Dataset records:
━━━━━━━━━━
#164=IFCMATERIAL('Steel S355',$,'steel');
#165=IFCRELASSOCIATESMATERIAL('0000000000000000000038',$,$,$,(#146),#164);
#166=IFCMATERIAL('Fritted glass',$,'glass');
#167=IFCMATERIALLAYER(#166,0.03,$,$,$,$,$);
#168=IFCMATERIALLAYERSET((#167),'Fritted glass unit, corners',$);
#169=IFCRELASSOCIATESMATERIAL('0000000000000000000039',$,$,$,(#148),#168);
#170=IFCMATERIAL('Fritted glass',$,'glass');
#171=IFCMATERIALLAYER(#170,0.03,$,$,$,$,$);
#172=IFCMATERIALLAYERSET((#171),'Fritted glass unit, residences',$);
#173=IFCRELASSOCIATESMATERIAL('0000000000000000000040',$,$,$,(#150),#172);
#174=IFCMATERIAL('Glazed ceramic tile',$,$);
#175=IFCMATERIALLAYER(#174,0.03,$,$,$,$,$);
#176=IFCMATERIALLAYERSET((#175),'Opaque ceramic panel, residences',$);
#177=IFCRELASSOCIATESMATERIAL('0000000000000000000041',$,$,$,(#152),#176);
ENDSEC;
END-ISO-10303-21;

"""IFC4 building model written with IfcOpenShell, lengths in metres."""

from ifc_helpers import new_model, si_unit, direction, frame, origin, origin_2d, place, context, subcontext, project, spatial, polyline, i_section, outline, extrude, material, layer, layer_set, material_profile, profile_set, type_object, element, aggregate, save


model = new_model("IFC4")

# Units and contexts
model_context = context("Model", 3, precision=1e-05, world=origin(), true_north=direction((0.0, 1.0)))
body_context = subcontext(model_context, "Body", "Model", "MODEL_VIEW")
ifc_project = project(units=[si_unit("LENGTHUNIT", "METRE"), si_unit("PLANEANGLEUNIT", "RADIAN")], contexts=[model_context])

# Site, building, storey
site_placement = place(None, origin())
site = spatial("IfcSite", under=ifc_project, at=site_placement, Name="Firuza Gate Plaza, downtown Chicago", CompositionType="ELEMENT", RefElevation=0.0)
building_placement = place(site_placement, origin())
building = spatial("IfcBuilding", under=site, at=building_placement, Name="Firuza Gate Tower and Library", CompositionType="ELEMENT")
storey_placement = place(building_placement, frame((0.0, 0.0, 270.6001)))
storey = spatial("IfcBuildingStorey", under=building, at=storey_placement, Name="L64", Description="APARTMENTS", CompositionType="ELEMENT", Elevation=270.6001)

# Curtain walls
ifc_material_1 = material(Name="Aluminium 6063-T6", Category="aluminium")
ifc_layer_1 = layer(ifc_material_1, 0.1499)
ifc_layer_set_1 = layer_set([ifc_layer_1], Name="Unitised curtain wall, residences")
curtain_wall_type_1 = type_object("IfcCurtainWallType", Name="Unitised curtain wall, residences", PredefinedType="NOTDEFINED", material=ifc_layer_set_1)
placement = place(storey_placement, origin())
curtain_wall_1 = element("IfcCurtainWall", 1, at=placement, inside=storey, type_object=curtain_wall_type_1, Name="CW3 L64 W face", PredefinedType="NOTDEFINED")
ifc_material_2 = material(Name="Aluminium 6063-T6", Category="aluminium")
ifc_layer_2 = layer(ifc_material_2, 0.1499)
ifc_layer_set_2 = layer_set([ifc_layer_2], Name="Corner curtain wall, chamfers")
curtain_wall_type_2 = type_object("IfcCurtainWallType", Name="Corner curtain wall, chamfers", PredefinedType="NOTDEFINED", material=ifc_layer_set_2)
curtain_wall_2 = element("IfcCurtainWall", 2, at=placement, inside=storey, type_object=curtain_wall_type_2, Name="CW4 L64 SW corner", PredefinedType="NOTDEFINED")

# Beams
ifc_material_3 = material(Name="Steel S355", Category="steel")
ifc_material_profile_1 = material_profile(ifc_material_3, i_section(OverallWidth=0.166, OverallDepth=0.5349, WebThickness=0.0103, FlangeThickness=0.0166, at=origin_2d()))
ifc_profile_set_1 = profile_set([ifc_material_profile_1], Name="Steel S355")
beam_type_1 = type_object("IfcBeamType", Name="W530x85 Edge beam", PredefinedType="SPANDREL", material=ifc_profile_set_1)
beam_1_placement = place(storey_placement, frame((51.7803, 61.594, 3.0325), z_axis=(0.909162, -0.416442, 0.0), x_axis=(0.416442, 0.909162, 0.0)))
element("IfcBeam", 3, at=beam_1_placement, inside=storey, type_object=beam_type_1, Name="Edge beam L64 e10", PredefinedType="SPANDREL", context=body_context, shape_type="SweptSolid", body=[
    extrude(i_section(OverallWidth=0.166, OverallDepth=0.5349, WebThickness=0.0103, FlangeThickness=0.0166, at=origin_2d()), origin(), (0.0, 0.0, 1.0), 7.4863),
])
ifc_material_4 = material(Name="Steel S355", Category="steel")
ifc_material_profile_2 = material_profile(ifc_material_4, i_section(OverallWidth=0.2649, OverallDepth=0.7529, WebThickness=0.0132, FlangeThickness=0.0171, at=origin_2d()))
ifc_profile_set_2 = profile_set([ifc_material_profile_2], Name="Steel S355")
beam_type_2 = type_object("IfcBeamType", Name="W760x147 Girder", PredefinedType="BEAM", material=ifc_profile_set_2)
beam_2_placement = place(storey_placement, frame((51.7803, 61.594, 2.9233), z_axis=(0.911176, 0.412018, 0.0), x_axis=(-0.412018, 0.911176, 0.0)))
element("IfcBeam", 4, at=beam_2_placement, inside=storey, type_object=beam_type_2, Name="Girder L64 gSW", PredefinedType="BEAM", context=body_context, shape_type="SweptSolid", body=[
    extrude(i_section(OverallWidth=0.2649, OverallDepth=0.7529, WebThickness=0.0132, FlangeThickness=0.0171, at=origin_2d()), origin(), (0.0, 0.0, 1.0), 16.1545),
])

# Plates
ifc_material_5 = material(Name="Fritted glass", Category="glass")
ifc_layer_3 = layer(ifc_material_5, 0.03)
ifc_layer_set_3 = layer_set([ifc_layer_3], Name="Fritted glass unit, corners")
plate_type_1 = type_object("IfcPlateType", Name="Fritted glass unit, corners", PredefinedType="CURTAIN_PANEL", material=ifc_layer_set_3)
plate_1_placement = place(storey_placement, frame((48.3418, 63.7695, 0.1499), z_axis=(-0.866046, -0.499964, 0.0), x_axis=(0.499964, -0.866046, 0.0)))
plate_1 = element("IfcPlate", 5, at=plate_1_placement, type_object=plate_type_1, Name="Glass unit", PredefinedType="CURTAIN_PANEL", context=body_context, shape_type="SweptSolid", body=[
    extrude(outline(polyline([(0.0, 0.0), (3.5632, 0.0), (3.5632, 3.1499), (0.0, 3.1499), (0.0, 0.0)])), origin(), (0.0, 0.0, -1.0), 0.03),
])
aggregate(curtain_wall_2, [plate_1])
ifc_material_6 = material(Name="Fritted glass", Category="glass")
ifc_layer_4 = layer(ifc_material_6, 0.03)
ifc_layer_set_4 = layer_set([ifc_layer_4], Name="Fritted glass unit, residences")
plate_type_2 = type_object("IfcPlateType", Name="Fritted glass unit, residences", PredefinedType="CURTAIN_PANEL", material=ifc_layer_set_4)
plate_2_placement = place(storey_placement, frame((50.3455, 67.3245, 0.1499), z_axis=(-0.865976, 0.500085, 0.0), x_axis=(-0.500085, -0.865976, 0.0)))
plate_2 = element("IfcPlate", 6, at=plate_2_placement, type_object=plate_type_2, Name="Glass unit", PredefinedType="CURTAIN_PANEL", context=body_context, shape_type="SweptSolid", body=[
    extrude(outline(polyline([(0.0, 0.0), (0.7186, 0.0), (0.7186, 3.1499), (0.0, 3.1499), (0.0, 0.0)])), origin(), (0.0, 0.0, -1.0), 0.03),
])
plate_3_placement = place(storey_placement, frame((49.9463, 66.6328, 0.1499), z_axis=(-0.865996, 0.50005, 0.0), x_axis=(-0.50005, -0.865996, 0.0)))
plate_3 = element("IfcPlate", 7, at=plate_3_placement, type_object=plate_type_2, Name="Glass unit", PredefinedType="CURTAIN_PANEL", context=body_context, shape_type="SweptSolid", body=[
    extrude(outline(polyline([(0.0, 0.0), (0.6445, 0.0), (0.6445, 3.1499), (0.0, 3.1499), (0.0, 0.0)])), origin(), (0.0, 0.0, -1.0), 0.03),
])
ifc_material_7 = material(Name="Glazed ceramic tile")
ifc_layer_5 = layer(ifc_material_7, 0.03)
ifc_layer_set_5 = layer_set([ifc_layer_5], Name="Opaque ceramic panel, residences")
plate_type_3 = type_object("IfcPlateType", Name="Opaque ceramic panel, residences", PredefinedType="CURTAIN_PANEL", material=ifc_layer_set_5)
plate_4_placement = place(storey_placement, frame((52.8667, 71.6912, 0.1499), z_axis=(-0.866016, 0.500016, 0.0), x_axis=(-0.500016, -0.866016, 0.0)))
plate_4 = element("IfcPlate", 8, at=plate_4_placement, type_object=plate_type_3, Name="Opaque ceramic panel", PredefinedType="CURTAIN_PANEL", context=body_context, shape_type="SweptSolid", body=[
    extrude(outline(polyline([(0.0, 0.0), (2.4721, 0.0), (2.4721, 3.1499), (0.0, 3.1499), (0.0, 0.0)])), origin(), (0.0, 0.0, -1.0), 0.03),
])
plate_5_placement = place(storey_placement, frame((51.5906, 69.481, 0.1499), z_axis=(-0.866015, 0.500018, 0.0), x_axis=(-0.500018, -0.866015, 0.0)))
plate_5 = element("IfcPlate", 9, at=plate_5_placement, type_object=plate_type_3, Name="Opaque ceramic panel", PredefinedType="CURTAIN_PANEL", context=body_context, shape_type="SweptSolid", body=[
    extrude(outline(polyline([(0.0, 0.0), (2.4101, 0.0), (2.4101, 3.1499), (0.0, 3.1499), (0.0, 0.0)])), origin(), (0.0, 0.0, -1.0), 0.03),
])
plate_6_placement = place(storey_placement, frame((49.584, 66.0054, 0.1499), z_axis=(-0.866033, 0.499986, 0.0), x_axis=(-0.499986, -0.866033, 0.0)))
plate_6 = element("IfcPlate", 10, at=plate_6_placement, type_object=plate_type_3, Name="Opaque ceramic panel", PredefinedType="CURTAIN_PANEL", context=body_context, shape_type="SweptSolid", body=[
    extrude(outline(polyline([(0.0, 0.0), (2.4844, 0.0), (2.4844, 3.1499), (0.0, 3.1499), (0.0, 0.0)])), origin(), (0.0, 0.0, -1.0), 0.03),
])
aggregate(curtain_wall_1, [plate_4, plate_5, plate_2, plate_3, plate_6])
━━━━━━━━━━
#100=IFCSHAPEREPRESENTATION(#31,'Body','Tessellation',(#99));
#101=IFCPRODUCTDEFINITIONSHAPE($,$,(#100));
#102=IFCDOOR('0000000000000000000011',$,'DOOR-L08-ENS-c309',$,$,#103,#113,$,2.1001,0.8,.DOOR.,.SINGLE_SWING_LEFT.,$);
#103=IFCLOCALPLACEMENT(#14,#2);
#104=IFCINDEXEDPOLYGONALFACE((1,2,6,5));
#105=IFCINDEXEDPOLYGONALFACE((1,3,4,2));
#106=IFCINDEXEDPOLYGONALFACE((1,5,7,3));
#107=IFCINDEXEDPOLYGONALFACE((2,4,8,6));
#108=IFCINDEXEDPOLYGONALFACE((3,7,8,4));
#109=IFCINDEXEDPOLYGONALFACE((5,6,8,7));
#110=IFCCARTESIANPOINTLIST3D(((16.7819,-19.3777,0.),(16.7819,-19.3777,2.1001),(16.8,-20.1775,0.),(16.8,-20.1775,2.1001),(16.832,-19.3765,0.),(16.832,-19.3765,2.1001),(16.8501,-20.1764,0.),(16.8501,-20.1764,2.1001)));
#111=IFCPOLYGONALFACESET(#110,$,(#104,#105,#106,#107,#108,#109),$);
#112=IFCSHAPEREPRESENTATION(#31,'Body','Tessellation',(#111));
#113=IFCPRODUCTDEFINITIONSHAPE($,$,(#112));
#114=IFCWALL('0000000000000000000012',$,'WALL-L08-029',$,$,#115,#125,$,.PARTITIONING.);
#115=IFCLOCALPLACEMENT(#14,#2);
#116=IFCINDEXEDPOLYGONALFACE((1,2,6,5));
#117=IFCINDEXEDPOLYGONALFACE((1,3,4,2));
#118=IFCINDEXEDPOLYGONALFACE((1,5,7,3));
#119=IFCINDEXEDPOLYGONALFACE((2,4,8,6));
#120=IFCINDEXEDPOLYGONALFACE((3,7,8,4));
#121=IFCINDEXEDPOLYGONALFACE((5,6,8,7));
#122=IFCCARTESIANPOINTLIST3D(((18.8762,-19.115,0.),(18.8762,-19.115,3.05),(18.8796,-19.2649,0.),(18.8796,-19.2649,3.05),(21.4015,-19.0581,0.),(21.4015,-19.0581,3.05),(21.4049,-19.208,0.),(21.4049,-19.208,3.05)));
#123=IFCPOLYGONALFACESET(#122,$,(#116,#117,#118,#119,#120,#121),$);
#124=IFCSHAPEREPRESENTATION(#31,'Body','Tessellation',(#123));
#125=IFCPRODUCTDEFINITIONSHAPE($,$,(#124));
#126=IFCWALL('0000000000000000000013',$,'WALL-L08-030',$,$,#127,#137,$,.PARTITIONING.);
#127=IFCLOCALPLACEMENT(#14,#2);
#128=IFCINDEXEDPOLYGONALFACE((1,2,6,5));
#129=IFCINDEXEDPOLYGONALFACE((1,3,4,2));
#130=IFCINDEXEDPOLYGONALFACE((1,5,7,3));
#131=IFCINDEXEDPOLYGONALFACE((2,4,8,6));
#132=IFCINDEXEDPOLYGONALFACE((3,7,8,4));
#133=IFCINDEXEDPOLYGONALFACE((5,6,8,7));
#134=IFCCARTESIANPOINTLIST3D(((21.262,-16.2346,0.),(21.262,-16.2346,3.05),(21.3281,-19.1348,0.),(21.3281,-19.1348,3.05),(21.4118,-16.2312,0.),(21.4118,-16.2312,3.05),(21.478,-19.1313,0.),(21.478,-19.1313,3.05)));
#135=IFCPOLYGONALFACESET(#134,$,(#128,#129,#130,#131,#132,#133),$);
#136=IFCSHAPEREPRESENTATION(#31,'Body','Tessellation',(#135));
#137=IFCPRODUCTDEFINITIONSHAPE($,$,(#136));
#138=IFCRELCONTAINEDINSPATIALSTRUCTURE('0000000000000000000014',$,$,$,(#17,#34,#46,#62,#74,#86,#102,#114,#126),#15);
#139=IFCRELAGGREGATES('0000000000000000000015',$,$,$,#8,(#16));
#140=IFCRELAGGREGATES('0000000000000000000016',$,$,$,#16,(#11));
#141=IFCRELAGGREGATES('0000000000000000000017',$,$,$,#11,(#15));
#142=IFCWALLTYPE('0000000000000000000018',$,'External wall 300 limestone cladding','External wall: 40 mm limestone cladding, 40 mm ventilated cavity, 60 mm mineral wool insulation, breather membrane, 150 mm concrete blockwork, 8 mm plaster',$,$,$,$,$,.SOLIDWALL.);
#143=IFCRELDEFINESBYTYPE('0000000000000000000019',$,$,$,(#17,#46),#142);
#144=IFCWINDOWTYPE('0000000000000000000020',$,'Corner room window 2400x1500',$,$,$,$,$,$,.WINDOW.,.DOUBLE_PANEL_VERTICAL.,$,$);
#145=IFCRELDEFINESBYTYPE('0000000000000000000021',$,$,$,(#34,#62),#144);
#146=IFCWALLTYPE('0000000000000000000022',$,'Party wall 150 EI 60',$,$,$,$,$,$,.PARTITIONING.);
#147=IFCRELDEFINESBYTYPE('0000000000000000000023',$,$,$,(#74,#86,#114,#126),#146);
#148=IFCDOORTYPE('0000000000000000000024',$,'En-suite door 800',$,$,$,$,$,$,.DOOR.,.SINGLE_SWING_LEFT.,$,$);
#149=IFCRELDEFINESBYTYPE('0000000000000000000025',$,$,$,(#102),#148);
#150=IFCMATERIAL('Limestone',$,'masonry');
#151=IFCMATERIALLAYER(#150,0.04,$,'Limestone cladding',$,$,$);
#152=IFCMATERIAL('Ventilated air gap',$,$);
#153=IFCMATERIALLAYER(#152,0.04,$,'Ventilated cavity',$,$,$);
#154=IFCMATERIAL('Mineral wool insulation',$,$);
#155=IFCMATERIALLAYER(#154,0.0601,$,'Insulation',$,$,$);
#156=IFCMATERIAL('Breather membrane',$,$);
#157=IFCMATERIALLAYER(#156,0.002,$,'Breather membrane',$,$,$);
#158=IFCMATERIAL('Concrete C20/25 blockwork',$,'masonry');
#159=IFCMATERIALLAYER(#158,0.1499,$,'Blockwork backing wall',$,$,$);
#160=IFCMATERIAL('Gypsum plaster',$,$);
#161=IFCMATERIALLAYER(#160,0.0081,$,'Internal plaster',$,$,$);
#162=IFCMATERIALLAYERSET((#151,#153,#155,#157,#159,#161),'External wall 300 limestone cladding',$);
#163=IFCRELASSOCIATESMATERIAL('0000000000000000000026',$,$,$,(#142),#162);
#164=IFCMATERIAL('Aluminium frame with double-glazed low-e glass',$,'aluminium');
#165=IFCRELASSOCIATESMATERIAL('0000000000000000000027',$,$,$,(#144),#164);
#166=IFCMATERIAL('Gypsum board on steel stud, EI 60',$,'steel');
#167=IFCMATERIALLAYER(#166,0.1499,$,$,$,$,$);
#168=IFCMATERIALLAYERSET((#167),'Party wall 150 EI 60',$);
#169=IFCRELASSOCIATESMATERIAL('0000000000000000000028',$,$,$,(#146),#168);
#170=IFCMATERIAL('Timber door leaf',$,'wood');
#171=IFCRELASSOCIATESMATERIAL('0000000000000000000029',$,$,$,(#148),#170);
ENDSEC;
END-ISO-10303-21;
━━━━━━━━━━
Lines holding the word "IfcBeamType" should be copied from the entries above.

beam_type_1 = type_object("IfcBeamType", Name="W530x85 Edge beam", PredefinedType="SPANDREL", material=ifc_profile_set_1)
beam_type_2 = type_object("IfcBeamType", Name="W760x147 Girder", PredefinedType="BEAM", material=ifc_profile_set_2)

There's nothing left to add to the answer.